# YOUR TASK
Only the lines below starting at the one that contains "#190=IFCDOORTYPE('0000000000000000000030',$,'Lift Lobby Double" and ending at the one that contains "building model written" are to be reproduced, exactly and with both ends kept.
----
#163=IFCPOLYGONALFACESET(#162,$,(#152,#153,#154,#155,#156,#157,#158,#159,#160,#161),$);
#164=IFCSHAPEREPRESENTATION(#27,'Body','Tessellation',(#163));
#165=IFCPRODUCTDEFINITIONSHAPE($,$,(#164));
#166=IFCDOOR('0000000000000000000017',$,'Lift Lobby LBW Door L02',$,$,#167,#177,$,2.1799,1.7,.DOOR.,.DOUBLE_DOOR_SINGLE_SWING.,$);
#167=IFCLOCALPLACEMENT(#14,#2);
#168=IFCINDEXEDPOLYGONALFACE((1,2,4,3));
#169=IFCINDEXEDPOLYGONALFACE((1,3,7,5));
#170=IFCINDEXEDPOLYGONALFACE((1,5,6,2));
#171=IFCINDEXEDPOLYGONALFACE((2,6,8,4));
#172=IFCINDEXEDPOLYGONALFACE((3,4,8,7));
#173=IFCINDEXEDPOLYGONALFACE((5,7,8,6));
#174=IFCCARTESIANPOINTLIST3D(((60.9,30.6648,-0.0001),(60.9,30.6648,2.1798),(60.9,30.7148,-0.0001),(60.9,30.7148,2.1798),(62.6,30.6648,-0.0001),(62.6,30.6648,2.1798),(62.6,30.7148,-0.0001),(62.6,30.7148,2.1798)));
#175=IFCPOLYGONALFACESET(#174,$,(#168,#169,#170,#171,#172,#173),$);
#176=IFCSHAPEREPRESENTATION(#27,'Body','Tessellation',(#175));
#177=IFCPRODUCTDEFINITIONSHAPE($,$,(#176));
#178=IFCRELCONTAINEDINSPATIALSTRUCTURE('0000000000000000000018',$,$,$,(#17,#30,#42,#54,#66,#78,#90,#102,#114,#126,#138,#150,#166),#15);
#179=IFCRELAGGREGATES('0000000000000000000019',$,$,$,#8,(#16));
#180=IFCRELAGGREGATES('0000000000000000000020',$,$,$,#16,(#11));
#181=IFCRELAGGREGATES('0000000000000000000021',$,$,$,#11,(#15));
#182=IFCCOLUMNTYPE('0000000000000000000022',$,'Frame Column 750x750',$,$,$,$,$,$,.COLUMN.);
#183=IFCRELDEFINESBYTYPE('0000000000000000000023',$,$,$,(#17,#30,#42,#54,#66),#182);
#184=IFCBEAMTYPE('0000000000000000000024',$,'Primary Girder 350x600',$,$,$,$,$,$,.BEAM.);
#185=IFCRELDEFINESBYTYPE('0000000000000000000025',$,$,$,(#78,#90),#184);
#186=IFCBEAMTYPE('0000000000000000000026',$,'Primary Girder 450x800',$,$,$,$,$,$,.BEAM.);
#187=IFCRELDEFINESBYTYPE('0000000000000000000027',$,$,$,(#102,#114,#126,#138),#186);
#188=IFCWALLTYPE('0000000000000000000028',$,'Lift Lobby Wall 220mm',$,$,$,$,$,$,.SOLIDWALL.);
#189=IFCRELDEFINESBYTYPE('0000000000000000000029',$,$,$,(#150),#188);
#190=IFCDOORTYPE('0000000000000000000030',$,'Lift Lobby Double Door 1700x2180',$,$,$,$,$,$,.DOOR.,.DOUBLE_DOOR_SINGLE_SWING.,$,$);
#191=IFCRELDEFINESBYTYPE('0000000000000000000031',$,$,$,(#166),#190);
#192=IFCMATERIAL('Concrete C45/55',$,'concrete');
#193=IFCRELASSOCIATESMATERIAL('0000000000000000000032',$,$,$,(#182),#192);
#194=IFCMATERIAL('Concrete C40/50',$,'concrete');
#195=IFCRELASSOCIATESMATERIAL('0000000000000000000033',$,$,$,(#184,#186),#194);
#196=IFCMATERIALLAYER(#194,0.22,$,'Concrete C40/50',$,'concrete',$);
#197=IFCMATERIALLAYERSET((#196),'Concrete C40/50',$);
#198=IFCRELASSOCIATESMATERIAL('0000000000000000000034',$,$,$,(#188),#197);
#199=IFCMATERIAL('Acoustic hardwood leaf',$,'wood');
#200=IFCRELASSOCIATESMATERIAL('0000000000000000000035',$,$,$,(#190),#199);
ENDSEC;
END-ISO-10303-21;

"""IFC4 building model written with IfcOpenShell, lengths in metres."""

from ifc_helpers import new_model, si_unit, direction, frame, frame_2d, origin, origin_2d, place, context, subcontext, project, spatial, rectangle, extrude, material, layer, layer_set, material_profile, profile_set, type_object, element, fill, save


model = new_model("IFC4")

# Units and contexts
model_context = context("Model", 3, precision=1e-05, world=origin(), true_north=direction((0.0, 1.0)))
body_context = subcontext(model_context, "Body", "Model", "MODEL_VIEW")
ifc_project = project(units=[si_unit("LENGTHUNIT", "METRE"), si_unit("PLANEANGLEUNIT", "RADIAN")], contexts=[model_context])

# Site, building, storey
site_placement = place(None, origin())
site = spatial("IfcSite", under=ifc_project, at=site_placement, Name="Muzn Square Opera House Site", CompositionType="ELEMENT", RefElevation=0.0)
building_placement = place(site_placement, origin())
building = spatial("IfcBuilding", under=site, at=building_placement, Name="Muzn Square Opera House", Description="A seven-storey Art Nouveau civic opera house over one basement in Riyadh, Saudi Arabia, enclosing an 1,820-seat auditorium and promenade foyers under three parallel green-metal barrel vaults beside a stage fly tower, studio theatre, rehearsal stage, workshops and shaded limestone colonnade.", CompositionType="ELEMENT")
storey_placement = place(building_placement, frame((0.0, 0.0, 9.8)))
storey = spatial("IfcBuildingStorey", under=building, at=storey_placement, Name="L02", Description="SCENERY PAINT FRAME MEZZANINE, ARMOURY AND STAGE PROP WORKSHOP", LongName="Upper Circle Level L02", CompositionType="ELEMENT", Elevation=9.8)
----
# REPLY
#190=IFCDOORTYPE('0000000000000000000030',$,'Lift Lobby Double Door 1700x2180',$,$,$,$,$,$,.DOOR.,.DOUBLE_DOOR_SINGLE_SWING.,$,$);
#191=IFCRELDEFINESBYTYPE('0000000000000000000031',$,$,$,(#166),#190);
#192=IFCMATERIAL('Concrete C45/55',$,'concrete');
#193=IFCRELASSOCIATESMATERIAL('0000000000000000000032',$,$,$,(#182),#192);
#194=IFCMATERIAL('Concrete C40/50',$,'concrete');
#195=IFCRELASSOCIATESMATERIAL('0000000000000000000033',$,$,$,(#184,#186),#194);
#196=IFCMATERIALLAYER(#194,0.22,$,'Concrete C40/50',$,'concrete',$);
#197=IFCMATERIALLAYERSET((#196),'Concrete C40/50',$);
#198=IFCRELASSOCIATESMATERIAL('0000000000000000000034',$,$,$,(#188),#197);
#199=IFCMATERIAL('Acoustic hardwood leaf',$,'wood');
#200=IFCRELASSOCIATESMATERIAL('0000000000000000000035',$,$,$,(#190),#199);
ENDSEC;
END-ISO-10303-21;

"""IFC4 building model written with IfcOpenShell, lengths in metres."""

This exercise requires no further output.